> Task directions
Produce word for word the lines of the data below running from the one that has "#216=IFCMATERIAL('Concrete C40/50',$,'concrete');" to the one that has "building model written", inclusive, and no others.

> Stored data entries
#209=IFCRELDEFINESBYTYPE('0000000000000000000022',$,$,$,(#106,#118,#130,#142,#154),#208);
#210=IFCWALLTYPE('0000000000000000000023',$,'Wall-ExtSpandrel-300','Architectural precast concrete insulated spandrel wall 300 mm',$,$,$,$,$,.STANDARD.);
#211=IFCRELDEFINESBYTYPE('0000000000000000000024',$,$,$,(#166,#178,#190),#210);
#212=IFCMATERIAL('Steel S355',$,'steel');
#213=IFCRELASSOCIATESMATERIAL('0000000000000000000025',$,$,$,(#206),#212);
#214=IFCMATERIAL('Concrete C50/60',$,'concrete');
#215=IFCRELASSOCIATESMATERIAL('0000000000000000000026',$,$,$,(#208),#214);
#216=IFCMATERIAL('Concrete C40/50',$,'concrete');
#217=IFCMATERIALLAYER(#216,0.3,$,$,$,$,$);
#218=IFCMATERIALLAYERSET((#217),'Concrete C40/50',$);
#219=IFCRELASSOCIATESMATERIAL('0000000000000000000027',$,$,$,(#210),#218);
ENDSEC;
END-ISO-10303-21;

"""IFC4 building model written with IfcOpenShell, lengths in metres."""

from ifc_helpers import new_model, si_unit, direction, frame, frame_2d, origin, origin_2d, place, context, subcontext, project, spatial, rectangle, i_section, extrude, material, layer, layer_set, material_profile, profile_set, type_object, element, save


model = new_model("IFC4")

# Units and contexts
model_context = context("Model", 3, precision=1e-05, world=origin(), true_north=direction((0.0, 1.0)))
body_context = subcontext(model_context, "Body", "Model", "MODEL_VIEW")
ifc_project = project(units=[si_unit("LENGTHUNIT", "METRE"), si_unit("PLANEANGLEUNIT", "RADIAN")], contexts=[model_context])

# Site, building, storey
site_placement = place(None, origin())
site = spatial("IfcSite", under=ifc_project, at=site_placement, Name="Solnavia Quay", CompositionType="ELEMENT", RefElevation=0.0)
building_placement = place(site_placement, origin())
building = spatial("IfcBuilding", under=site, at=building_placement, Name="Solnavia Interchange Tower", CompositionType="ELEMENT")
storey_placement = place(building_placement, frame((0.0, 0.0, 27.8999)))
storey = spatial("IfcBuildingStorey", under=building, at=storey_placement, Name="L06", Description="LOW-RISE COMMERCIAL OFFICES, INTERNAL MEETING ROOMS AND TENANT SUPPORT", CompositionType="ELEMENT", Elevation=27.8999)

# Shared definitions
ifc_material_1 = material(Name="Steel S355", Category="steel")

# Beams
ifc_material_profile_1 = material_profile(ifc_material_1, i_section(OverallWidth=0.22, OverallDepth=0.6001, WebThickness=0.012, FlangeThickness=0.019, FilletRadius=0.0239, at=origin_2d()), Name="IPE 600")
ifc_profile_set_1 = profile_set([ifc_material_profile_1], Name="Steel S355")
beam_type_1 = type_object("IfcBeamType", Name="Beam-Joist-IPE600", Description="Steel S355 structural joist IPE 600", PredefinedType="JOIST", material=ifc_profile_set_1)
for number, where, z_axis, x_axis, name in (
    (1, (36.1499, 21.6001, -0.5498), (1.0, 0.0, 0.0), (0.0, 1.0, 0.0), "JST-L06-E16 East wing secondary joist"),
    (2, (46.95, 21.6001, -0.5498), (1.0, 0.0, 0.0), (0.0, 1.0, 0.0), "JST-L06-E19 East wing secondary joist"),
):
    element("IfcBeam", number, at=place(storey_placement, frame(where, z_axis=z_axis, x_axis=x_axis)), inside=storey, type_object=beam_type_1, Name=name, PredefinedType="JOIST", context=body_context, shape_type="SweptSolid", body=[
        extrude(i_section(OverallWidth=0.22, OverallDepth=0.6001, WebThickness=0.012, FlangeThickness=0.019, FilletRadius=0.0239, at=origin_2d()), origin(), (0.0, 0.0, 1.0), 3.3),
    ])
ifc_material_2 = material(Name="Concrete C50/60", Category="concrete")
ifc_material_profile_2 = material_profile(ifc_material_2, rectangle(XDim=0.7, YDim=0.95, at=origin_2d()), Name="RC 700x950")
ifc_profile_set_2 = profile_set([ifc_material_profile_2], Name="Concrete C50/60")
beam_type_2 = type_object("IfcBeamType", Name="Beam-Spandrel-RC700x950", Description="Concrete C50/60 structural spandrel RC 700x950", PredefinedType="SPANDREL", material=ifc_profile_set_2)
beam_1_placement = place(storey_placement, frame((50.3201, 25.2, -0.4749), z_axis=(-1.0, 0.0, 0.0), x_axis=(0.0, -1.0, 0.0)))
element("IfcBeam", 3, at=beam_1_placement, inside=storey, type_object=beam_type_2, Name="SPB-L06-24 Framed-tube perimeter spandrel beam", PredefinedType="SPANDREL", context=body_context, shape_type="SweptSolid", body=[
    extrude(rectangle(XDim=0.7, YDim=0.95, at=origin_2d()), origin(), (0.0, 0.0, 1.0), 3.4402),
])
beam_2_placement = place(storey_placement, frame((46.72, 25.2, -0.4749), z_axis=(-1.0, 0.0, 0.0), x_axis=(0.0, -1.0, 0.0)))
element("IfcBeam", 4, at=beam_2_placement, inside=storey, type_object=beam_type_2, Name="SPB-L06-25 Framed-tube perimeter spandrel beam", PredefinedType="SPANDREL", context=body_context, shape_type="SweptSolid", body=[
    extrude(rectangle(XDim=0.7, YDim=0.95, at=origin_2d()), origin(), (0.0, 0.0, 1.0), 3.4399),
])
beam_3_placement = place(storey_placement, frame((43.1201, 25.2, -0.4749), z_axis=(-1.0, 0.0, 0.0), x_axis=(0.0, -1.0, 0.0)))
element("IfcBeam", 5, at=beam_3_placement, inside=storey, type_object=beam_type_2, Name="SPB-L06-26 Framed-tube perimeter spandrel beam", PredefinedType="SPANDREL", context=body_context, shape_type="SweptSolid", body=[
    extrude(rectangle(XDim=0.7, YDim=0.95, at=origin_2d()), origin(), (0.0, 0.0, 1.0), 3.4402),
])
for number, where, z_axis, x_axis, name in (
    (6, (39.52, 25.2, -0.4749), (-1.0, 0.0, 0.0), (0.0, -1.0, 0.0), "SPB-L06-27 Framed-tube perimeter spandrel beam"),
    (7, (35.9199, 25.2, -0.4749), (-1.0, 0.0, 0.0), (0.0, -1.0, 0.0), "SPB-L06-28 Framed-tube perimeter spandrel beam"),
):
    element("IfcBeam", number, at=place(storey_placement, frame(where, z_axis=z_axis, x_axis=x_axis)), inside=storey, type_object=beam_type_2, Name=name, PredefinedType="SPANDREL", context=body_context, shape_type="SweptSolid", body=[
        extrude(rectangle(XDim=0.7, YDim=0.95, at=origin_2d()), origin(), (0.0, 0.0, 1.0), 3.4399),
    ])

> Solution to this exercise
#216=IFCMATERIAL('Concrete C40/50',$,'concrete');
#217=IFCMATERIALLAYER(#216,0.3,$,$,$,$,$);
#218=IFCMATERIALLAYERSET((#217),'Concrete C40/50',$);
#219=IFCRELASSOCIATESMATERIAL('0000000000000000000027',$,$,$,(#210),#218);
ENDSEC;
END-ISO-10303-21;

"""IFC4 building model written with IfcOpenShell, lengths in metres."""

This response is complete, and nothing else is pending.